**Exercise requirements**: From the entries below, please gather each line containing the string "Tessellation".

**Data**:
= Beginning of Section =
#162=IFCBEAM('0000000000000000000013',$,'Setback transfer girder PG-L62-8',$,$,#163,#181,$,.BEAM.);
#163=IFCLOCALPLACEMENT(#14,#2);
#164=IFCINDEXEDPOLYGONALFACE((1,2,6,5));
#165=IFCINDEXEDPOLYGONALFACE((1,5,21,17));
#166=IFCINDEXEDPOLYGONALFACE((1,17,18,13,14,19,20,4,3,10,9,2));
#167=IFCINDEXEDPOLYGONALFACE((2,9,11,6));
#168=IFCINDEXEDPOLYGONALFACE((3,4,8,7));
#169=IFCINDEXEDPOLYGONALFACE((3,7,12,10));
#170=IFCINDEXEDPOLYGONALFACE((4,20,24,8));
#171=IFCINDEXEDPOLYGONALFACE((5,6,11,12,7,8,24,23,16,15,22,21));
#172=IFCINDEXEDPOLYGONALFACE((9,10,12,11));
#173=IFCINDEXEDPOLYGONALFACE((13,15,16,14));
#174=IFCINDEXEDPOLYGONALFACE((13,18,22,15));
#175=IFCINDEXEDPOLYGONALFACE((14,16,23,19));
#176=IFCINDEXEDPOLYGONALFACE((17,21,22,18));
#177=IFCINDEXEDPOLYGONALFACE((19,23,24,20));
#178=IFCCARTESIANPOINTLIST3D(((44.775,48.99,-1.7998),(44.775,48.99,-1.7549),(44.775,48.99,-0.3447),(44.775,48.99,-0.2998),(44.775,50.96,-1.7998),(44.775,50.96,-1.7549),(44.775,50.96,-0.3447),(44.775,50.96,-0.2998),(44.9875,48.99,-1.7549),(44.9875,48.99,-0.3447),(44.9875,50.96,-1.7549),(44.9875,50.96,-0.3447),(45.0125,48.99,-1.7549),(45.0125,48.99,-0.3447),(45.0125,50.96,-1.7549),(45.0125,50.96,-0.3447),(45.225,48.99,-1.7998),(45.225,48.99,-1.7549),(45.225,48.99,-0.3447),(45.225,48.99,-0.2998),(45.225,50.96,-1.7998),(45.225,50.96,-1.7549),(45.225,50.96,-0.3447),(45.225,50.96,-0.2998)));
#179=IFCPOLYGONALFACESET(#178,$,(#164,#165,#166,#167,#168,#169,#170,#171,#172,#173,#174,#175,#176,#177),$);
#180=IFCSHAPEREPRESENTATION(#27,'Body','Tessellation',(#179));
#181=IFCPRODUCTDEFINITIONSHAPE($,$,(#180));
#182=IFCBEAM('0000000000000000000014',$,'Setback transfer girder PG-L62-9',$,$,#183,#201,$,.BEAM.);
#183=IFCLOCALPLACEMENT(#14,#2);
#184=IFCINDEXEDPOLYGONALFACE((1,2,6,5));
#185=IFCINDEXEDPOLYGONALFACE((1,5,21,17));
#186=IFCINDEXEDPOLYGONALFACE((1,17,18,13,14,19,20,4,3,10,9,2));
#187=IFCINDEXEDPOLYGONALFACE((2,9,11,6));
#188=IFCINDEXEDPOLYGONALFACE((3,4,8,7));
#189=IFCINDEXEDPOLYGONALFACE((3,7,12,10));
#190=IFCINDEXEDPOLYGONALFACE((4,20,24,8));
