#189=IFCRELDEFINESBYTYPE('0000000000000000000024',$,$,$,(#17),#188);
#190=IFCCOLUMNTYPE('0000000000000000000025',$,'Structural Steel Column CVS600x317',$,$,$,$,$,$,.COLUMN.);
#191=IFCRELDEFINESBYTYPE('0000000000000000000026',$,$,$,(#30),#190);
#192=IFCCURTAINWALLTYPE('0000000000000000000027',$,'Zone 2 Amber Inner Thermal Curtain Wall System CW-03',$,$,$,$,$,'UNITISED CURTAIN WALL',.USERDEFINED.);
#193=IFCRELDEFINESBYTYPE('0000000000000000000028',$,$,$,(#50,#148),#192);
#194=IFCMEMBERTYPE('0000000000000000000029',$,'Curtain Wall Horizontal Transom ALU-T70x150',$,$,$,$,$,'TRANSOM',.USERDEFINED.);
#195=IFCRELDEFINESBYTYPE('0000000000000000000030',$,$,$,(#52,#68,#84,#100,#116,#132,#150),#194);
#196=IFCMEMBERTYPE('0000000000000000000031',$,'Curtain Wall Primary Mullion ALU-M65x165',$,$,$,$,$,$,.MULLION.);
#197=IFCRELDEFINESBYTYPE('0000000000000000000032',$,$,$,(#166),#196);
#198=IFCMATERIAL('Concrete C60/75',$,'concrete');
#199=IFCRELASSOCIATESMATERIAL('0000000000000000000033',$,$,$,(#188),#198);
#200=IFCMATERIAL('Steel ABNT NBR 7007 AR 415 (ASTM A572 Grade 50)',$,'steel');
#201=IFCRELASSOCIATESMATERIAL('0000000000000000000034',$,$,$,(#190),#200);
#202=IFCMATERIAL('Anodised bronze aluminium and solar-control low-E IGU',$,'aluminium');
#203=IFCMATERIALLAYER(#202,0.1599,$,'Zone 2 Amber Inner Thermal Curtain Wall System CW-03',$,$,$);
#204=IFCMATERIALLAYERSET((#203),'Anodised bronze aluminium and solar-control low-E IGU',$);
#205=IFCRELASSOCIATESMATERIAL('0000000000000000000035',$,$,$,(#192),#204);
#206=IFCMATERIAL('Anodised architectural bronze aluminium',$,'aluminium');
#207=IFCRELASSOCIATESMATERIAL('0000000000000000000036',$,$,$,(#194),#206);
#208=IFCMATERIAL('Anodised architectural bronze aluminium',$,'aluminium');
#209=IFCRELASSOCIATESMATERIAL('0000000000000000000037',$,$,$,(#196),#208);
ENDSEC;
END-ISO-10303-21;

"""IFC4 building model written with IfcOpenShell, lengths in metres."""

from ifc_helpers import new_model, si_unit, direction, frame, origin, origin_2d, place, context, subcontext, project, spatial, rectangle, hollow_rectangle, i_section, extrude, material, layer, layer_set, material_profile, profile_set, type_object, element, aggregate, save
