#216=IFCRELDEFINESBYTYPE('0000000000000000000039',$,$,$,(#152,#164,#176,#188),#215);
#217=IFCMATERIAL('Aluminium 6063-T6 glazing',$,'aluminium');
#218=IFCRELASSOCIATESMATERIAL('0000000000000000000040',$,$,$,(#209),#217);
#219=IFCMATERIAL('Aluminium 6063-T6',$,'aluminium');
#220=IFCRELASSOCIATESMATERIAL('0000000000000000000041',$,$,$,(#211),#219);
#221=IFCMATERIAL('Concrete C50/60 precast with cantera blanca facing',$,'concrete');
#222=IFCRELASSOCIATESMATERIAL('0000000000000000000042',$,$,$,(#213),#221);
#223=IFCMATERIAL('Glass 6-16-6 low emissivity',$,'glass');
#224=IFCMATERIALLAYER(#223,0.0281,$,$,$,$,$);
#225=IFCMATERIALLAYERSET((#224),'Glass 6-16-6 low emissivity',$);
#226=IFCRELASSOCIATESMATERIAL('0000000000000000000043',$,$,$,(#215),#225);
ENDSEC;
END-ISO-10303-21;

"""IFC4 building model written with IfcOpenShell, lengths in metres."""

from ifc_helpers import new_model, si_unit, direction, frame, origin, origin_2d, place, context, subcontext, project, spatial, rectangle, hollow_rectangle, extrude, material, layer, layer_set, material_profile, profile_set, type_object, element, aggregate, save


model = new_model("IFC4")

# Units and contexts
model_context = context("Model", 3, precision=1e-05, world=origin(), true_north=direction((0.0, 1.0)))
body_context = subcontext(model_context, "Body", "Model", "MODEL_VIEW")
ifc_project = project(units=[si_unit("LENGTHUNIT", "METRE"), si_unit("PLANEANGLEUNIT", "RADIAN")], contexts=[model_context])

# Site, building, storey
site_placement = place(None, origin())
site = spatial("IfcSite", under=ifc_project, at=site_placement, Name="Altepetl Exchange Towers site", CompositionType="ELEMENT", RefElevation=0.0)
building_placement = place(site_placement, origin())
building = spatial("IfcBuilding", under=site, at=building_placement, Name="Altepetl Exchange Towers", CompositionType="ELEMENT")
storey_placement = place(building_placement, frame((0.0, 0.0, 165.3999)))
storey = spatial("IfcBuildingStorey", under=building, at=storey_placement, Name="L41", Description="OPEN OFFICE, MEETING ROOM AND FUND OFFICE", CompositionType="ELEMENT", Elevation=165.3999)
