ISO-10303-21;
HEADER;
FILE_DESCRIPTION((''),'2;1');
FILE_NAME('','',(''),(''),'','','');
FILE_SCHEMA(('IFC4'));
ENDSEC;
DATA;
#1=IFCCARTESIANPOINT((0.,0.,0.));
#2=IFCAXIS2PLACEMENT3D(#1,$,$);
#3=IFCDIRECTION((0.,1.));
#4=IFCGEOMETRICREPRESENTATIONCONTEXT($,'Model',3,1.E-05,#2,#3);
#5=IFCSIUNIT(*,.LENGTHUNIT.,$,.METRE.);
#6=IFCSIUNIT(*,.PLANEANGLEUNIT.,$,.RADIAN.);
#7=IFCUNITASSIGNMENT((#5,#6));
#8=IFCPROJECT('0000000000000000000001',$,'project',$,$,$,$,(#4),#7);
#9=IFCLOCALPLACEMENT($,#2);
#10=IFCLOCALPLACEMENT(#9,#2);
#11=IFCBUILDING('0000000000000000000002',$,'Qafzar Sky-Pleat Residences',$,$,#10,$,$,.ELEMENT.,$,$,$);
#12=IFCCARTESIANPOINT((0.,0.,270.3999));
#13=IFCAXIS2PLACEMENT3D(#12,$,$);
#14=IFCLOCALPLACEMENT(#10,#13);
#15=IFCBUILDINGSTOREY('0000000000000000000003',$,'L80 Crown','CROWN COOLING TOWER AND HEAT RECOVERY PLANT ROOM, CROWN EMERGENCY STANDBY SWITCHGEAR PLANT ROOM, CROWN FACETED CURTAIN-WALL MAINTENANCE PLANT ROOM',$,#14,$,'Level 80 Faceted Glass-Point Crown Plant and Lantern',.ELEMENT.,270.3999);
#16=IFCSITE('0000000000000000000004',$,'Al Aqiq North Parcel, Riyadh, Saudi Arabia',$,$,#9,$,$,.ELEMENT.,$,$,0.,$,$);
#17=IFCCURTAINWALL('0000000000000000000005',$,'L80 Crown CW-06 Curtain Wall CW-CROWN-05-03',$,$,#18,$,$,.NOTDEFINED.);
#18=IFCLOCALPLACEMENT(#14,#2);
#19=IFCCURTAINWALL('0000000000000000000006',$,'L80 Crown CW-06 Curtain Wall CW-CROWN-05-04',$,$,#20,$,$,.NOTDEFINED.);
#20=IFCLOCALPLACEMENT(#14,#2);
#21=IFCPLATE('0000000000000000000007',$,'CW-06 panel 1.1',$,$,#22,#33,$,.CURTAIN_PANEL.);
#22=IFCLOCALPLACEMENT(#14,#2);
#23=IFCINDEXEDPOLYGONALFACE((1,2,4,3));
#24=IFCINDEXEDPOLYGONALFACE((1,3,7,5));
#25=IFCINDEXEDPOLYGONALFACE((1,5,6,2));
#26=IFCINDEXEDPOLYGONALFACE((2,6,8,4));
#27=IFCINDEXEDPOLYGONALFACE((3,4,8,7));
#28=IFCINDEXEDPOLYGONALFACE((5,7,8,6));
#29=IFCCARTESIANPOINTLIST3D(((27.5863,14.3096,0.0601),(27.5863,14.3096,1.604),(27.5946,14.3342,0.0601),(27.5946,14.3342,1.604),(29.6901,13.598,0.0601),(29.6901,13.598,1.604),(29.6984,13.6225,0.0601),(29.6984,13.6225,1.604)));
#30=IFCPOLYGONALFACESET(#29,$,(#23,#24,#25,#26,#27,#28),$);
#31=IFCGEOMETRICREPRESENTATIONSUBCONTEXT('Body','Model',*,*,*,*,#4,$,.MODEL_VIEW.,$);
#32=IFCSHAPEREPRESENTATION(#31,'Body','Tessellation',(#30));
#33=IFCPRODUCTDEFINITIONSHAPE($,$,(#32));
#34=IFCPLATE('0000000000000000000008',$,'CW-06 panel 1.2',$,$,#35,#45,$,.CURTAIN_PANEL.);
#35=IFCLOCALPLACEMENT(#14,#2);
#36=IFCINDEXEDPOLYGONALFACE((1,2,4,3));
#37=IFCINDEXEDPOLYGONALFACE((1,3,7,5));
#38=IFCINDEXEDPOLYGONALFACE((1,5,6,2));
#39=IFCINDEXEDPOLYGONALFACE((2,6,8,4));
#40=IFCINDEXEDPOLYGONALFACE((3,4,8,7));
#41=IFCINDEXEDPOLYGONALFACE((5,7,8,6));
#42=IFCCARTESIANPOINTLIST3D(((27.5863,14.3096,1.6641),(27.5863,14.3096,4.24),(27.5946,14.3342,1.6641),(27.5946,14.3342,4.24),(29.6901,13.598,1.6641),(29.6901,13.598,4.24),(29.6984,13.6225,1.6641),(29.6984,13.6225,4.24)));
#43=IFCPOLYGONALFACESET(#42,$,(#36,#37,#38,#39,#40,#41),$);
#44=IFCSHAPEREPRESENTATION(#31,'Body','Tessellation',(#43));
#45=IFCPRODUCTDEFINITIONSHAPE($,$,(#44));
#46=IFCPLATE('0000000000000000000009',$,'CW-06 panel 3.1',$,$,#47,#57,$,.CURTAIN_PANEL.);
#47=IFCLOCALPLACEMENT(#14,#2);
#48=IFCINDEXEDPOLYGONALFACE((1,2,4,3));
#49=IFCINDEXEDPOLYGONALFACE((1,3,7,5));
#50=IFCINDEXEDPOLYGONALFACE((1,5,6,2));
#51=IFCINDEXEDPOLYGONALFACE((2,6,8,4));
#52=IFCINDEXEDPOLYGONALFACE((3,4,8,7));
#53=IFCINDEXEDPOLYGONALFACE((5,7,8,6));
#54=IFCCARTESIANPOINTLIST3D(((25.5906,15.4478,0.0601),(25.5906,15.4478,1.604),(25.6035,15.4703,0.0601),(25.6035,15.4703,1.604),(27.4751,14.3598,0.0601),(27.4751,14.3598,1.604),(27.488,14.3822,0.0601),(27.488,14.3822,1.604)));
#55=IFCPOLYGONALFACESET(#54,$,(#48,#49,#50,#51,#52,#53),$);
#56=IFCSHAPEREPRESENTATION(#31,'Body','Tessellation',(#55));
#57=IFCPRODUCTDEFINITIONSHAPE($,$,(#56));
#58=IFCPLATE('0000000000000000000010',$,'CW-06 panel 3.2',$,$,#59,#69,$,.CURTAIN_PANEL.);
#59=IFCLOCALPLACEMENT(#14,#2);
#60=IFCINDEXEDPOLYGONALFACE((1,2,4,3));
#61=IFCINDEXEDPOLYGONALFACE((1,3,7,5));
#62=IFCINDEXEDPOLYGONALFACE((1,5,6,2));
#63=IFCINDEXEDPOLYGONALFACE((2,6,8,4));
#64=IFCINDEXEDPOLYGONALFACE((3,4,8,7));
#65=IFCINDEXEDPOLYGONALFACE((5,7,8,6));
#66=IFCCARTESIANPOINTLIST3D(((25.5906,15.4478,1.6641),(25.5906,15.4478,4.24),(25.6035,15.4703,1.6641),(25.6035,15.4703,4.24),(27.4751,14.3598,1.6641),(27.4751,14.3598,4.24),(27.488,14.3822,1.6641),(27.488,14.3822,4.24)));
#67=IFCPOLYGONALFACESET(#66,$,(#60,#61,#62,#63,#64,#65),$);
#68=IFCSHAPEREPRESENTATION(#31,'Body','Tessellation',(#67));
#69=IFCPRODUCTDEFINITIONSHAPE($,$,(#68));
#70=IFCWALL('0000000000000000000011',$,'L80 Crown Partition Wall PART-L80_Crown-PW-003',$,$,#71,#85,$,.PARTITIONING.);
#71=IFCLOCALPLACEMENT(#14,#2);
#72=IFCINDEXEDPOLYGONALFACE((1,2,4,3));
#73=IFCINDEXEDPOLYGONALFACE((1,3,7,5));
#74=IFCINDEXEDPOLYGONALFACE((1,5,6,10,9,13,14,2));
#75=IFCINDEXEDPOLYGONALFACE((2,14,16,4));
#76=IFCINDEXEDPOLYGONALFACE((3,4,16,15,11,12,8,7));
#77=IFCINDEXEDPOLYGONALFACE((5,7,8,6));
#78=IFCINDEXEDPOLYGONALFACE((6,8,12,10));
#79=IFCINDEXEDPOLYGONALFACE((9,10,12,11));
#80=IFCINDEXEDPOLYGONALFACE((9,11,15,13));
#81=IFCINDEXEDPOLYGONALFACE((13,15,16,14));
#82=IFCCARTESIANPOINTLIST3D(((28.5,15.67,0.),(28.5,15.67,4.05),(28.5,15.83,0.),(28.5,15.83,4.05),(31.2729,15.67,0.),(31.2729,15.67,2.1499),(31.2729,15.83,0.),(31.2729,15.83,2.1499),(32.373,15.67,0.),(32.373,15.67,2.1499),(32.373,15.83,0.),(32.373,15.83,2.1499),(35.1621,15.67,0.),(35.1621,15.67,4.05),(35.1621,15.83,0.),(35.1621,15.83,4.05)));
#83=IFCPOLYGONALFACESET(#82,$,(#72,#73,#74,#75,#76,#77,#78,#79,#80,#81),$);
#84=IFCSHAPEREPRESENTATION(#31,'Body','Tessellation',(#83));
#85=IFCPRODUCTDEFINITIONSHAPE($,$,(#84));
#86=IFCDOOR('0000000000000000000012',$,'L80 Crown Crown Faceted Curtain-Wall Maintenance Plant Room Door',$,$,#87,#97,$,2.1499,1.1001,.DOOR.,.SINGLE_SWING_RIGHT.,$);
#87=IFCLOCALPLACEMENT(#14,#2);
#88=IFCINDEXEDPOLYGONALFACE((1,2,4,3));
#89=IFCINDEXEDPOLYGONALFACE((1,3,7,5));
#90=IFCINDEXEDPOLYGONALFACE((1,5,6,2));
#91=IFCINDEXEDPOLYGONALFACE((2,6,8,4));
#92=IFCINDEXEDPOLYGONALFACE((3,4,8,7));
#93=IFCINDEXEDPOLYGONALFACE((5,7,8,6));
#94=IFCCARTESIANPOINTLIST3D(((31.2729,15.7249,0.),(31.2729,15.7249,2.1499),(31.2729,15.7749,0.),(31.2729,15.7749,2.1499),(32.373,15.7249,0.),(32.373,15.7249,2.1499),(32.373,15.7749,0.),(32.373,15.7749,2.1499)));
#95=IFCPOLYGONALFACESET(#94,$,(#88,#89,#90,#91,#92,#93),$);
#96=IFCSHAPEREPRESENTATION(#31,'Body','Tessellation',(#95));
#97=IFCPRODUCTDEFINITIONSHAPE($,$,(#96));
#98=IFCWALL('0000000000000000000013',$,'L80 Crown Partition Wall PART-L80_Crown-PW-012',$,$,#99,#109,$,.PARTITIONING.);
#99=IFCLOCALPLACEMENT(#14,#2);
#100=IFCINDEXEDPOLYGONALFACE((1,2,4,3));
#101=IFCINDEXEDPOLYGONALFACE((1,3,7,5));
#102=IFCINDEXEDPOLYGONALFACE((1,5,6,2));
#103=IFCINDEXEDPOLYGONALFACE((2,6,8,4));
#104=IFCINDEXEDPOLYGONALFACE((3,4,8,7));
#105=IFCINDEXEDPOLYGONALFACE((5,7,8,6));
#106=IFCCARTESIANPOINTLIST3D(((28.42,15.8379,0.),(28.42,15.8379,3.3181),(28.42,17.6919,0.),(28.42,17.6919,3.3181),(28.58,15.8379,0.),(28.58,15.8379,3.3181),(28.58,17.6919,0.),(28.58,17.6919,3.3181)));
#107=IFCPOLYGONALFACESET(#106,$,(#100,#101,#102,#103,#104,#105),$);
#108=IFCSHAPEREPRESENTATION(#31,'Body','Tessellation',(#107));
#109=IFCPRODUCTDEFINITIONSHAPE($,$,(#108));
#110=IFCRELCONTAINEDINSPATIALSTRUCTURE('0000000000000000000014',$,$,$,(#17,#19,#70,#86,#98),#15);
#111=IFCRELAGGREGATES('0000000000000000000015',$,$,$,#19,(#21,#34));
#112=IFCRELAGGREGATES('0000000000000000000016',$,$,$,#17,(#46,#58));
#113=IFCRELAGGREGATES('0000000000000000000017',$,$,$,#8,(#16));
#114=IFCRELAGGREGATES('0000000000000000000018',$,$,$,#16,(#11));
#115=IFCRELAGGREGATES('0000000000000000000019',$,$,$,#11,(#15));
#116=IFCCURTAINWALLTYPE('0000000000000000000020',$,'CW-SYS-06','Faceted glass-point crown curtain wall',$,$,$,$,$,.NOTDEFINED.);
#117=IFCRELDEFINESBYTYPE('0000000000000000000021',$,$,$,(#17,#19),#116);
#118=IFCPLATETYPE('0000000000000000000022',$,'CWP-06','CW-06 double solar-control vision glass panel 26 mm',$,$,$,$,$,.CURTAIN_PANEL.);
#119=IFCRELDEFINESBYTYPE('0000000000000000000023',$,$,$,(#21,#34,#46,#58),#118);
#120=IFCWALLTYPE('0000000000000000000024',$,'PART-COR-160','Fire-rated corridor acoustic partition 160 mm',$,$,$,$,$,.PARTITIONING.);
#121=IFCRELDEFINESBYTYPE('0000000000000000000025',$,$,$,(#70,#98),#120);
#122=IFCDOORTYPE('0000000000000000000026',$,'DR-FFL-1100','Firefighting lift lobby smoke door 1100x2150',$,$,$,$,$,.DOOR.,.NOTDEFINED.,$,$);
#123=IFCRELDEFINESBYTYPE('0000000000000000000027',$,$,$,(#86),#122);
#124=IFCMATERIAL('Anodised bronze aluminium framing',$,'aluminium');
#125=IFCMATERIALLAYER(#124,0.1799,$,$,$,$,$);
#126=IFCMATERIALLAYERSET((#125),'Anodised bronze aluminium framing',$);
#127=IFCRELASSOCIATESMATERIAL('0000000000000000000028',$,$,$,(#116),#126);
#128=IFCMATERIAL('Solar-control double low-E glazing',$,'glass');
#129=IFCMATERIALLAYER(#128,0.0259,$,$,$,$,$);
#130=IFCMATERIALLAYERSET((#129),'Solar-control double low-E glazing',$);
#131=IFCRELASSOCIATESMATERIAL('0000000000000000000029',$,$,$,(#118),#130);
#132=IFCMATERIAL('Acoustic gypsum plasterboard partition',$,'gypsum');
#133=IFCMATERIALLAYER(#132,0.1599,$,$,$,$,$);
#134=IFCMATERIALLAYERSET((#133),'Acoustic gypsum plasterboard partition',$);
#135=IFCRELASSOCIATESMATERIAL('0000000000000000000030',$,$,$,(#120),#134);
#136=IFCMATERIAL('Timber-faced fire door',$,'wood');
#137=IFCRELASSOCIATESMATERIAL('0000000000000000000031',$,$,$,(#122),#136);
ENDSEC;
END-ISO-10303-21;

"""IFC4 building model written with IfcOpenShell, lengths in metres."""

from ifc_helpers import new_model, si_unit, direction, frame, frame_2d, origin, origin_2d, place, context, subcontext, project, spatial, rectangle, extrude, source, transform, mapped, material, layer, layer_set, type_object, element, fill, aggregate, save


model = new_model("IFC4")

# Units and contexts
model_context = context("Model", 3, precision=1e-05, world=origin(), true_north=direction((0.0, 1.0)))
body_context = subcontext(model_context, "Body", "Model", "MODEL_VIEW")
ifc_project = project(units=[si_unit("LENGTHUNIT", "METRE"), si_unit("PLANEANGLEUNIT", "RADIAN")], contexts=[model_context])

# Site, building, storey
site_placement = place(None, origin())
site = spatial("IfcSite", under=ifc_project, at=site_placement, Name="Al Aqiq North Parcel, Riyadh, Saudi Arabia", CompositionType="ELEMENT", RefElevation=0.0)
building_placement = place(site_placement, origin())
building = spatial("IfcBuilding", under=site, at=building_placement, Name="Qafzar Sky-Pleat Residences", CompositionType="ELEMENT")
storey_placement = place(building_placement, frame((0.0, 0.0, 270.3999)))
storey = spatial("IfcBuildingStorey", under=building, at=storey_placement, Name="L80 Crown", Description="CROWN COOLING TOWER AND HEAT RECOVERY PLANT ROOM, CROWN EMERGENCY STANDBY SWITCHGEAR PLANT ROOM, CROWN FACETED CURTAIN-WALL MAINTENANCE PLANT ROOM", LongName="Level 80 Faceted Glass-Point Crown Plant and Lantern", CompositionType="ELEMENT", Elevation=270.3999)

# Curtain walls
ifc_material_1 = material(Name="Anodised bronze aluminium framing", Category="aluminium")
ifc_layer_1 = layer(ifc_material_1, 0.1799)
ifc_layer_set_1 = layer_set([ifc_layer_1], Name="Anodised bronze aluminium framing")
curtain_wall_type = type_object("IfcCurtainWallType", Name="CW-SYS-06", Description="Faceted glass-point crown curtain wall", PredefinedType="NOTDEFINED", material=ifc_layer_set_1)
curtain_wall_1_placement = place(storey_placement, origin())
curtain_wall_1 = element("IfcCurtainWall", 1, at=curtain_wall_1_placement, inside=storey, type_object=curtain_wall_type, Name="L80 Crown CW-06 Curtain Wall CW-CROWN-05-03", PredefinedType="NOTDEFINED")
curtain_wall_2_placement = place(storey_placement, origin())
curtain_wall_2 = element("IfcCurtainWall", 2, at=curtain_wall_2_placement, inside=storey, type_object=curtain_wall_type, Name="L80 Crown CW-06 Curtain Wall CW-CROWN-05-04", PredefinedType="NOTDEFINED")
= End of Section =
**Result of the exercise**:
#180=IFCSHAPEREPRESENTATION(#27,'Body','Tessellation',(#179));
#32=IFCSHAPEREPRESENTATION(#31,'Body','Tessellation',(#30));
#44=IFCSHAPEREPRESENTATION(#31,'Body','Tessellation',(#43));
#56=IFCSHAPEREPRESENTATION(#31,'Body','Tessellation',(#55));
#68=IFCSHAPEREPRESENTATION(#31,'Body','Tessellation',(#67));
#84=IFCSHAPEREPRESENTATION(#31,'Body','Tessellation',(#83));
#96=IFCSHAPEREPRESENTATION(#31,'Body','Tessellation',(#95));
#108=IFCSHAPEREPRESENTATION(#31,'Body','Tessellation',(#107));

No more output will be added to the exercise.